### Collected data
============================================================

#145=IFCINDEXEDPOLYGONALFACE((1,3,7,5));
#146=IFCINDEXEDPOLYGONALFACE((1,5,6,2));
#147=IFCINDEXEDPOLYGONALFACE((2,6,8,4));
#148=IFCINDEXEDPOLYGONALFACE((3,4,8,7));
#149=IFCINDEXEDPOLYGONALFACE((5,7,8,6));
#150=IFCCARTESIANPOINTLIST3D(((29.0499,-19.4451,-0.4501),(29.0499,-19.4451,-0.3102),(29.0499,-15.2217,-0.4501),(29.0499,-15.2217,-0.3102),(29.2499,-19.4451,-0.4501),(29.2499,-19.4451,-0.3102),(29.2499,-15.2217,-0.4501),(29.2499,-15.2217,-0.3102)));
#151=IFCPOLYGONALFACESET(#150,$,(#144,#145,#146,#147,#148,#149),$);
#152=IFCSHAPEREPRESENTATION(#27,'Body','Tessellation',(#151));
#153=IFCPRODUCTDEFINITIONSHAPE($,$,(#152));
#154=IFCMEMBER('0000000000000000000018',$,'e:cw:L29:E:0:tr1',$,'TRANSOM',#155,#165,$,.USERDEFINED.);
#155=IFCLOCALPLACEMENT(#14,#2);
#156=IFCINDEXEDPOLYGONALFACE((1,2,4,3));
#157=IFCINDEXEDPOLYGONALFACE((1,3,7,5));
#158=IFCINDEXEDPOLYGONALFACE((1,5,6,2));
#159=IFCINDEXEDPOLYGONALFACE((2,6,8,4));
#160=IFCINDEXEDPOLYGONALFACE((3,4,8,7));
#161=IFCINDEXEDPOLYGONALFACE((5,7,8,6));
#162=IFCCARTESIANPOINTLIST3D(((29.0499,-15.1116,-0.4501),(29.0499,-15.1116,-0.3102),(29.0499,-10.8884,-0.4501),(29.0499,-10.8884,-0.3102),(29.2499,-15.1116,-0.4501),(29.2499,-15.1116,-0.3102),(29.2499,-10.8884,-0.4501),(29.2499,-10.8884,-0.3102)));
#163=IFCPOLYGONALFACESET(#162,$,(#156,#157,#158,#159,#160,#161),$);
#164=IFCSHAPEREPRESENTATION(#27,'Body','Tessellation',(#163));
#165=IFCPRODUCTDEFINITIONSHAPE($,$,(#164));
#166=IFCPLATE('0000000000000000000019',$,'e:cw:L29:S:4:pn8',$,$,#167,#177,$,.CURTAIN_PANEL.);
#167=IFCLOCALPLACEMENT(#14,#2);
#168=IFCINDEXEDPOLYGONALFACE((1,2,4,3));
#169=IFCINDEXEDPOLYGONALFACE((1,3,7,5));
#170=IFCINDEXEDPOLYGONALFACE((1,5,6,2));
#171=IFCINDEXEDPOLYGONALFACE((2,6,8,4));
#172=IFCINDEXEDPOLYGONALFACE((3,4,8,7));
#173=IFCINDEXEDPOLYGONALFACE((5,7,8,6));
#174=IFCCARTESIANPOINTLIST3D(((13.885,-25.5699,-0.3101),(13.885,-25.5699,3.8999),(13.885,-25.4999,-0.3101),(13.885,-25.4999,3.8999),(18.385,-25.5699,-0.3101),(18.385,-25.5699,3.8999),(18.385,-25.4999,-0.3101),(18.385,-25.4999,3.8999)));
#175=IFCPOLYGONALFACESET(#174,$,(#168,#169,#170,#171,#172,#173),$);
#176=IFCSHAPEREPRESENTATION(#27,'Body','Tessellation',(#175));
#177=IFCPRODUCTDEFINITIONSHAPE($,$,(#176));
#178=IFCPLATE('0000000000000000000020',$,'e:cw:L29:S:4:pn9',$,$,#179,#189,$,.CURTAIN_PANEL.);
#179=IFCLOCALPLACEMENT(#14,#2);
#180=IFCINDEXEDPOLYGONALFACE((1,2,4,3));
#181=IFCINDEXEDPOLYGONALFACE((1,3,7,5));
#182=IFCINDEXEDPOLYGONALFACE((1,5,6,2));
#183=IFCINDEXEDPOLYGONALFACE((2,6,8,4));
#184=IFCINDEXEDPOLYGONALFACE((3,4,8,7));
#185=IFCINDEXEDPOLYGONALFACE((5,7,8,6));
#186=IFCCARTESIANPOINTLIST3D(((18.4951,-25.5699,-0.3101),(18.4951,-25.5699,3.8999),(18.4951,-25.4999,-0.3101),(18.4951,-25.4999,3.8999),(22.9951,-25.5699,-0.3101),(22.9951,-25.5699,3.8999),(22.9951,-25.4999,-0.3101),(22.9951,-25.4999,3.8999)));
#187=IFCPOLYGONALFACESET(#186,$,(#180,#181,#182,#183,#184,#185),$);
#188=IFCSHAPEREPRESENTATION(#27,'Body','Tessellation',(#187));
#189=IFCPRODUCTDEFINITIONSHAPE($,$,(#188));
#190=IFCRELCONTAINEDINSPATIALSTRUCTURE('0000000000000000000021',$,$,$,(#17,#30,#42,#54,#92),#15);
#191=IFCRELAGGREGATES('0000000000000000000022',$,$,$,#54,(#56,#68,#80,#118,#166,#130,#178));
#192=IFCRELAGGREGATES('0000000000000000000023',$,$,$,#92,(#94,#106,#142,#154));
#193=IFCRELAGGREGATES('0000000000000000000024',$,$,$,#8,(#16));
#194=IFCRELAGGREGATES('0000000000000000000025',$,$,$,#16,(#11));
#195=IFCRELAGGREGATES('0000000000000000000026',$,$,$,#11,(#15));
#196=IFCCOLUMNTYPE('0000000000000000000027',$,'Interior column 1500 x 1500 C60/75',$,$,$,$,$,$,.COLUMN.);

============================================================

### ABOUT THIS EXERCISE
Gather each line in the data that holds the string "Body".

### OUTPUT FOR THIS EXERCISE
#152=IFCSHAPEREPRESENTATION(#27,'Body','Tessellation',(#151));
#164=IFCSHAPEREPRESENTATION(#27,'Body','Tessellation',(#163));
#176=IFCSHAPEREPRESENTATION(#27,'Body','Tessellation',(#175));
#188=IFCSHAPEREPRESENTATION(#27,'Body','Tessellation',(#187));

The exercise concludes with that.